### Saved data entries

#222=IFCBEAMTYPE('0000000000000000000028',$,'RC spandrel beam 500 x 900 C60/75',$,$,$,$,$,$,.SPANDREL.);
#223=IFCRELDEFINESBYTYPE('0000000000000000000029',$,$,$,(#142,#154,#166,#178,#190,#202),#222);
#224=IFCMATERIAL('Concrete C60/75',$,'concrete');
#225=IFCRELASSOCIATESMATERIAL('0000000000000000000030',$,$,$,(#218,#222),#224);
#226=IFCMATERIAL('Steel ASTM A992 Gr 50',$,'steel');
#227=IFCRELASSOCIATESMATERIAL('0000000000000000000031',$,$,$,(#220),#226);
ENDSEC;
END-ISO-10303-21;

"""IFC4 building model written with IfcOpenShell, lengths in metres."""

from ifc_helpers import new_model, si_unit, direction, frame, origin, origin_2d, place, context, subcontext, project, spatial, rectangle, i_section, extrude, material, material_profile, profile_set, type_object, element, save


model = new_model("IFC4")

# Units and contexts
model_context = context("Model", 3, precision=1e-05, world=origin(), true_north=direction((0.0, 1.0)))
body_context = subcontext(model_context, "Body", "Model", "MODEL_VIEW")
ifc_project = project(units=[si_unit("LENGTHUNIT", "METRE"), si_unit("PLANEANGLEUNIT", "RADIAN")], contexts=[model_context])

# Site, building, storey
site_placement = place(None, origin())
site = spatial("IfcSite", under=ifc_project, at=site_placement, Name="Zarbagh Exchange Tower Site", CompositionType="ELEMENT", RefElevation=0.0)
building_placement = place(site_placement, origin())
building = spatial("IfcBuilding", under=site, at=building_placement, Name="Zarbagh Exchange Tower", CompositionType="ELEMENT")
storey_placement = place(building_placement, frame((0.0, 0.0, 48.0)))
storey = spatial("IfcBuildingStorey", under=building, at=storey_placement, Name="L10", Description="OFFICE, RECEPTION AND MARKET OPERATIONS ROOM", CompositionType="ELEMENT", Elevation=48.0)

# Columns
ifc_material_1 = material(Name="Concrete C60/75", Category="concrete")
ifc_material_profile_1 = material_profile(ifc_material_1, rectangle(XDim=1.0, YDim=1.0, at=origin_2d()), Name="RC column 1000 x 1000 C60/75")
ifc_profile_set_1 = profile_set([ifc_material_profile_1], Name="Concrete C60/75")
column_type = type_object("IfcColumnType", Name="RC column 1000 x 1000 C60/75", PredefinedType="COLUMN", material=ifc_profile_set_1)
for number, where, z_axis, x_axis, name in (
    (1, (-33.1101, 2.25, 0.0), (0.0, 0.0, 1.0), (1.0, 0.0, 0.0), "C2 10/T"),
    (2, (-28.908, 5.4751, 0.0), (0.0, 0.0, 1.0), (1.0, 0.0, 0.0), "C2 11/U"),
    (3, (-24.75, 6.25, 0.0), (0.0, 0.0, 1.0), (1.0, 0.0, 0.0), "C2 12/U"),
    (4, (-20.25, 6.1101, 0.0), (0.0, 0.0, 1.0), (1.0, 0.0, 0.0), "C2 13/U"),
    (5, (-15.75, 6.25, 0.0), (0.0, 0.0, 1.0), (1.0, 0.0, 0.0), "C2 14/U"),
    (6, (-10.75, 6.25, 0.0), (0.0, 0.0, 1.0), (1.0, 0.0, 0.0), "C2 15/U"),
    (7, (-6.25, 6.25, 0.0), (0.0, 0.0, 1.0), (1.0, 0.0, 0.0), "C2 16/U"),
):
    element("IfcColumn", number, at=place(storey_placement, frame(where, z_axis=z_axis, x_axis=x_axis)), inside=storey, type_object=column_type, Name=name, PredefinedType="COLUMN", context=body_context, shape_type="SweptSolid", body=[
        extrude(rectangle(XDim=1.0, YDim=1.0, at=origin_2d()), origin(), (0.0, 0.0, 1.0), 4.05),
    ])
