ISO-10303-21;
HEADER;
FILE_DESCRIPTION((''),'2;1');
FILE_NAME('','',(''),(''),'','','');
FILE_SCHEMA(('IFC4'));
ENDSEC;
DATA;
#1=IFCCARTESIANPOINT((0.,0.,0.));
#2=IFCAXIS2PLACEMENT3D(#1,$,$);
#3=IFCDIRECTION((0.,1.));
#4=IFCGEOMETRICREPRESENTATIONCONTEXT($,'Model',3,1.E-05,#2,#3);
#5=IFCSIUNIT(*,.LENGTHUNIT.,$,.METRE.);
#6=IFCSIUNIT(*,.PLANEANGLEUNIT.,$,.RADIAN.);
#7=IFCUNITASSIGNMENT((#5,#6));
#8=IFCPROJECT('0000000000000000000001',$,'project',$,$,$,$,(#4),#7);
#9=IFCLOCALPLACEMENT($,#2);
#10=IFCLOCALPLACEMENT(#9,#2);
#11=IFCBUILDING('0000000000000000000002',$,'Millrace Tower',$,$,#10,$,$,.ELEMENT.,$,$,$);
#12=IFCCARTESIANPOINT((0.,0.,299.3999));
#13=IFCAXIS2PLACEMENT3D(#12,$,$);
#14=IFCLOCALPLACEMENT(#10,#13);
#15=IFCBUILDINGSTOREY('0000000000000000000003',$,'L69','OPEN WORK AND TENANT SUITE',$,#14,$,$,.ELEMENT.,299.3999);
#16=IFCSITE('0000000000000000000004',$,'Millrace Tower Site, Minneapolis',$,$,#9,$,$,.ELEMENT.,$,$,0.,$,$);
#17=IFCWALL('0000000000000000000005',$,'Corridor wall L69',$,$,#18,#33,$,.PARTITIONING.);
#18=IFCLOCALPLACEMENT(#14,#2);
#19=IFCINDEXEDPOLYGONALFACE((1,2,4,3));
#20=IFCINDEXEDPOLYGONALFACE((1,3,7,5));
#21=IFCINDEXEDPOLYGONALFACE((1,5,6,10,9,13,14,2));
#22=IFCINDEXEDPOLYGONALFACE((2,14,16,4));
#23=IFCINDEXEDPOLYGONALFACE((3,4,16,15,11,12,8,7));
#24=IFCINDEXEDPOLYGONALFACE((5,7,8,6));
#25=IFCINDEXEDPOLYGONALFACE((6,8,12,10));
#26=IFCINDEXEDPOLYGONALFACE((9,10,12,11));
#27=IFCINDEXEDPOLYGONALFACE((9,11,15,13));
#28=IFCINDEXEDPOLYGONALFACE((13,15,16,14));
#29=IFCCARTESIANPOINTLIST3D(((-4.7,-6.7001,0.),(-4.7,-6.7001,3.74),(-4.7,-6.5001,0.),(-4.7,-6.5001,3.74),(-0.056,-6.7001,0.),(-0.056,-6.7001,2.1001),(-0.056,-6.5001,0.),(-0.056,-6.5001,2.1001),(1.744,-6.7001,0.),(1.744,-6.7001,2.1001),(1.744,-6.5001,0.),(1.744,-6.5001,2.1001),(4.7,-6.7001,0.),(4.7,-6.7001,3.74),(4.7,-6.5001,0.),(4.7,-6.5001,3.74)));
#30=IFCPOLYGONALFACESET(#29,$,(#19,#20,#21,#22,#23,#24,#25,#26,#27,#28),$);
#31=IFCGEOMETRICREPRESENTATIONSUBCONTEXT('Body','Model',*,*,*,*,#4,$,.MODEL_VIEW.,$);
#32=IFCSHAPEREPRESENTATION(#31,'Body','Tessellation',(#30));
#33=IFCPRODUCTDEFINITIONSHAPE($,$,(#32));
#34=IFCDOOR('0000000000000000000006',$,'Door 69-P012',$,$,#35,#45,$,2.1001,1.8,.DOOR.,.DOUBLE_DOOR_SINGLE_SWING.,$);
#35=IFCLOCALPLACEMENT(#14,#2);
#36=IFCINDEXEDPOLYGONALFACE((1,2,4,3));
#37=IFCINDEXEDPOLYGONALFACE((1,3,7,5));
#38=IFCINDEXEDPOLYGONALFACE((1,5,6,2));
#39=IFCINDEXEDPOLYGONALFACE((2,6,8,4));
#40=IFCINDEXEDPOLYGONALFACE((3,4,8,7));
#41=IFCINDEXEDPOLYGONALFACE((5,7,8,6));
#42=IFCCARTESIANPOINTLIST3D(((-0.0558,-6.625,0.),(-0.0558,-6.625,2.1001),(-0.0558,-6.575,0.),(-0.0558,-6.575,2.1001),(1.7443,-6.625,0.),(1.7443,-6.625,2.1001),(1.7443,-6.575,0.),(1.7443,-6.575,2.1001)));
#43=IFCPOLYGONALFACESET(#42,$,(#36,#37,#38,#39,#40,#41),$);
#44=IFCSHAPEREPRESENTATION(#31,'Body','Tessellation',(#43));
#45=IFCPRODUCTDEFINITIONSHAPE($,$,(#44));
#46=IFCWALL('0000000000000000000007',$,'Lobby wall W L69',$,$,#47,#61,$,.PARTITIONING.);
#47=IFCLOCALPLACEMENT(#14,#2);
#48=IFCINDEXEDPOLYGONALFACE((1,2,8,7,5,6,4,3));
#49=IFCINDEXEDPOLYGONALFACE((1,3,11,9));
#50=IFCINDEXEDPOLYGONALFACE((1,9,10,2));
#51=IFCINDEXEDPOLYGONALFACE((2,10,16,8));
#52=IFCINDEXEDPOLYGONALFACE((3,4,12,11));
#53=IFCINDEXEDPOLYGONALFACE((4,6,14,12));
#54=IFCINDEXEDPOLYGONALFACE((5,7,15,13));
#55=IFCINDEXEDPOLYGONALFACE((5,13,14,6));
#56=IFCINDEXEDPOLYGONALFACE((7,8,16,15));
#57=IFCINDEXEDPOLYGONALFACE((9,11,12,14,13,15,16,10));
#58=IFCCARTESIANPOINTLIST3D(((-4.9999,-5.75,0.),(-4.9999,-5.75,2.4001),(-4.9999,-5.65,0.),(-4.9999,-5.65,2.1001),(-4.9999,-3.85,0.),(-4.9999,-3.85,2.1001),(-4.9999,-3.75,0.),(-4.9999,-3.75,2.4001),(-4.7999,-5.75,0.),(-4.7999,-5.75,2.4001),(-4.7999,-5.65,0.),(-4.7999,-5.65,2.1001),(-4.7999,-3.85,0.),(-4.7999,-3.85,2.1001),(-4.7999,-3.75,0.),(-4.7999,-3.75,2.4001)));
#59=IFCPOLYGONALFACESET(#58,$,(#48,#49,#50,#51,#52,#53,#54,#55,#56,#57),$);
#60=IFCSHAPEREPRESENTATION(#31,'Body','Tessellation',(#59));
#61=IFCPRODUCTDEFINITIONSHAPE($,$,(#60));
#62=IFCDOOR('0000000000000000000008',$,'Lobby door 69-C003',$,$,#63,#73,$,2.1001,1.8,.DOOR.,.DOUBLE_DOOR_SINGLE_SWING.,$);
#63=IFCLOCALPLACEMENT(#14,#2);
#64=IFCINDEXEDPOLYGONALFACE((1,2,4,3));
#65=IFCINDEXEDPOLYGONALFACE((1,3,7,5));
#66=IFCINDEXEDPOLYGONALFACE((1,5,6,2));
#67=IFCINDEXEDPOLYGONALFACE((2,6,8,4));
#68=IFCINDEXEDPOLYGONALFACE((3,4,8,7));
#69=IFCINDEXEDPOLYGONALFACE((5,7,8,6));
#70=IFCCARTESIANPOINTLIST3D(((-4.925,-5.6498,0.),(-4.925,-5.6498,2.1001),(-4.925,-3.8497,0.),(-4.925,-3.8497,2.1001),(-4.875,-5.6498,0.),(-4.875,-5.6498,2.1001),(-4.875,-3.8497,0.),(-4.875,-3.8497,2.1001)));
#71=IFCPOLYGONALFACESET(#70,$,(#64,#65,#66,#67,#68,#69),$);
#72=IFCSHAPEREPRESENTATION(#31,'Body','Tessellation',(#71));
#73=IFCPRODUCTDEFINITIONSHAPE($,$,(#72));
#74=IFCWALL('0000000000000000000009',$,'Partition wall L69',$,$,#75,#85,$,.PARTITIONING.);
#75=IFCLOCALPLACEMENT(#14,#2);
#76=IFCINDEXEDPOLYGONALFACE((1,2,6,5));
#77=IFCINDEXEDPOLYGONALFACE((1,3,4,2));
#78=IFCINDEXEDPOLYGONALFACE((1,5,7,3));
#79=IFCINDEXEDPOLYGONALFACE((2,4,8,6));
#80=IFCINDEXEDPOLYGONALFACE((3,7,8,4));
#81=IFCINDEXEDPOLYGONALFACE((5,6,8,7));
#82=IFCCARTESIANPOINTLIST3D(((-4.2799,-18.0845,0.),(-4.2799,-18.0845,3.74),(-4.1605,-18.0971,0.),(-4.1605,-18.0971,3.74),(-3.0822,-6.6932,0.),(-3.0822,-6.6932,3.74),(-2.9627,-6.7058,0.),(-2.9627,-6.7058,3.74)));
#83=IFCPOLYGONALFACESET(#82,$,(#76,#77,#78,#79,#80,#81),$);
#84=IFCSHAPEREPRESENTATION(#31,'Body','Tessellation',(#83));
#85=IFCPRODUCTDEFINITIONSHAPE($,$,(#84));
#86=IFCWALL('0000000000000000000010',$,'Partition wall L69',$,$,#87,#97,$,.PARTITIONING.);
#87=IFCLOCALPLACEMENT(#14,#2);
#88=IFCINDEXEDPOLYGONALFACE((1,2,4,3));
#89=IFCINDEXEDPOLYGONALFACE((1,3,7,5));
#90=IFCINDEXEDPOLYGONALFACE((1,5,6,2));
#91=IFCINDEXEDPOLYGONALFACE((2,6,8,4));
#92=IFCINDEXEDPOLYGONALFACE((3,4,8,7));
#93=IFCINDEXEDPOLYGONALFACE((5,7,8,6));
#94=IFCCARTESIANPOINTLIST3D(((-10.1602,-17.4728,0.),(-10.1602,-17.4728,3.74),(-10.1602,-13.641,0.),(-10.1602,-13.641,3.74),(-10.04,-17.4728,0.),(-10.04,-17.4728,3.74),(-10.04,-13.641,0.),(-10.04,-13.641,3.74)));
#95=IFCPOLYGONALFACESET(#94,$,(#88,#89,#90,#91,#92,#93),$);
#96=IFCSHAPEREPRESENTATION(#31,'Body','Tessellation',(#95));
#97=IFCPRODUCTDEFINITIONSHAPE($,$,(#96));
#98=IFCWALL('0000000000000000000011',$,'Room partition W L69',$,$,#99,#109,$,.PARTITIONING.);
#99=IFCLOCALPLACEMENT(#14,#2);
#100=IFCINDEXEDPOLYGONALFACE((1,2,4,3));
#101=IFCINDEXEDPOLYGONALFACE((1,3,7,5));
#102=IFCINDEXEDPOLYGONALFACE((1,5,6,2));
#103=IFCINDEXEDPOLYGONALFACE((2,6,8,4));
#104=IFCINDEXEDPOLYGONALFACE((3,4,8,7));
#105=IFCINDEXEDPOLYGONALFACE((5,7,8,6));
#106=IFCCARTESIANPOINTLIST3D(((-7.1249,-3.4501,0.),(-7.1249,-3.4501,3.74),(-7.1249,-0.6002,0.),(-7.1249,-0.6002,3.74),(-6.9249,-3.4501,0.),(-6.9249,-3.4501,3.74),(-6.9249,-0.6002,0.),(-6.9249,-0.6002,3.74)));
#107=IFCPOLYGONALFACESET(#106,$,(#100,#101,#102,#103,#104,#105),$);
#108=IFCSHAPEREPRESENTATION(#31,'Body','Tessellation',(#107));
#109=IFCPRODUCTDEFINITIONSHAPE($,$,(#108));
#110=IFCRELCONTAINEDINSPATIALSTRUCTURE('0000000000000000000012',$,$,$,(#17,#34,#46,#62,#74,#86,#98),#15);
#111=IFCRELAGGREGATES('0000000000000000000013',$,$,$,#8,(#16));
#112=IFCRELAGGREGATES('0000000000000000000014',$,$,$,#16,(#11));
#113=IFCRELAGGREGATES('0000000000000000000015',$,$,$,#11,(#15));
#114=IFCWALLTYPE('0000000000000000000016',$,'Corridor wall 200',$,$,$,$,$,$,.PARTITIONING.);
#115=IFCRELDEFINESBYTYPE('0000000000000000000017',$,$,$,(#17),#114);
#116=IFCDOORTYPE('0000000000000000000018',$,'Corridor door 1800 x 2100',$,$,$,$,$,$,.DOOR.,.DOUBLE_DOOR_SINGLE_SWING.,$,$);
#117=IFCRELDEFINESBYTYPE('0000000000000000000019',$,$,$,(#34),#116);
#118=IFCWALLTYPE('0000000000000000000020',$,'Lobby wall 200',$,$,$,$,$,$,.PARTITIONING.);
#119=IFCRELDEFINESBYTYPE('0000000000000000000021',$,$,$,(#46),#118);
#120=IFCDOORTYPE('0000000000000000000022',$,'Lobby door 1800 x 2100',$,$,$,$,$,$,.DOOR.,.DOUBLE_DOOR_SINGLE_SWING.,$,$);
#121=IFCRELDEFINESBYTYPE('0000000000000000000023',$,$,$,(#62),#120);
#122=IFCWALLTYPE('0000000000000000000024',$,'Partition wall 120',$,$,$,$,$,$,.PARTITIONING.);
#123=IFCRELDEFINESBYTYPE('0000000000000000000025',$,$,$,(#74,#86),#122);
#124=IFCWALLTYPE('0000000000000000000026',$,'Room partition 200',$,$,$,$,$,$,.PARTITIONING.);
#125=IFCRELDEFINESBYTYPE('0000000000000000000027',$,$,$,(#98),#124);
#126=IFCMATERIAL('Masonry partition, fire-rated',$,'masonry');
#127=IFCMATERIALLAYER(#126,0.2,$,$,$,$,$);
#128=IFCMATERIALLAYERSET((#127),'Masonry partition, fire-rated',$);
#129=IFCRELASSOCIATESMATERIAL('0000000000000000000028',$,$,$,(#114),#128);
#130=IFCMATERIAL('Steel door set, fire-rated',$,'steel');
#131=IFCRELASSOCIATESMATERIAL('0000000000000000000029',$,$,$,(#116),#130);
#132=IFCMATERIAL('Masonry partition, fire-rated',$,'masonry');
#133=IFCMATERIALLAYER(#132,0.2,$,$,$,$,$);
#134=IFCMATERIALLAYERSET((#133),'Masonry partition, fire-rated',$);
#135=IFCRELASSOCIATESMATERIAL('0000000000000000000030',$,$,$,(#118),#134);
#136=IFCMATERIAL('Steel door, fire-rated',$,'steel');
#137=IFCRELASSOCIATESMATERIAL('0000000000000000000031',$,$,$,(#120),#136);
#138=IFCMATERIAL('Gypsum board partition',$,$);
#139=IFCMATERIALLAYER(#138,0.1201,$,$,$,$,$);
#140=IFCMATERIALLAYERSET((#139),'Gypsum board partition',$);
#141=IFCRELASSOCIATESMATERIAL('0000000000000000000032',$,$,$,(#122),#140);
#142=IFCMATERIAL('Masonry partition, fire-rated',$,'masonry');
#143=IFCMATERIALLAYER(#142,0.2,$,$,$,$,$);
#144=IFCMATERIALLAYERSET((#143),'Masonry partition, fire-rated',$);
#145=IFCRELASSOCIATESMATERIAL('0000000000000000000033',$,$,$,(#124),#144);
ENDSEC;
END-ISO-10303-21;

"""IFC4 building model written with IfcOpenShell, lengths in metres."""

from ifc_helpers import new_model, si_unit, direction, frame, frame_2d, origin, place, context, subcontext, project, spatial, rectangle, extrude, material, layer, layer_set, type_object, element, fill, save


model = new_model("IFC4")

# Units and contexts
model_context = context("Model", 3, precision=1e-05, world=origin(), true_north=direction((0.0, 1.0)))
body_context = subcontext(model_context, "Body", "Model", "MODEL_VIEW")
ifc_project = project(units=[si_unit("LENGTHUNIT", "METRE"), si_unit("PLANEANGLEUNIT", "RADIAN")], contexts=[model_context])

# Site, building, storey
site_placement = place(None, origin())
site = spatial("IfcSite", under=ifc_project, at=site_placement, Name="Millrace Tower Site, Minneapolis", CompositionType="ELEMENT", RefElevation=0.0)
building_placement = place(site_placement, origin())
building = spatial("IfcBuilding", under=site, at=building_placement, Name="Millrace Tower", CompositionType="ELEMENT")
storey_placement = place(building_placement, frame((0.0, 0.0, 299.3999)))
storey = spatial("IfcBuildingStorey", under=building, at=storey_placement, Name="L69", Description="OPEN WORK AND TENANT SUITE", CompositionType="ELEMENT", Elevation=299.3999)

# Walls, openings, doors
ifc_material_1 = material(Name="Masonry partition, fire-rated", Category="masonry")
ifc_layer_1 = layer(ifc_material_1, 0.2)
ifc_layer_set_1 = layer_set([ifc_layer_1], Name="Masonry partition, fire-rated")
wall_type_1 = type_object("IfcWallType", Name="Corridor wall 200", PredefinedType="PARTITIONING", material=ifc_layer_set_1)
wall_1_placement = place(storey_placement, frame((-4.7, -6.6001, 0.0), z_axis=(0.0, 0.0, 1.0), x_axis=(1.0, 0.0, 0.0)))
wall_1 = element("IfcWall", 1, at=wall_1_placement, inside=storey, type_object=wall_type_1, Name="Corridor wall L69", PredefinedType="PARTITIONING", context=body_context, shape_type="SweptSolid", body=[
    extrude(rectangle(XDim=9.3999, YDim=0.2, at=frame_2d((4.7, 0.0))), origin(), (0.0, 0.0, 1.0), 3.74),
])
opening_1_placement = place(wall_1_placement, frame((4.644, 0.0, 0.0)))
opening_1 = element("IfcOpeningElement", 2, at=opening_1_placement, cuts=wall_1, PredefinedType="OPENING", context=body_context, shape_type="SweptSolid", body=[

### Work instructions
Report back every line of the entries in which "board" occurs.

### Exercise output
#138=IFCMATERIAL('Gypsum board partition',$,$);
#140=IFCMATERIALLAYERSET((#139),'Gypsum board partition',$);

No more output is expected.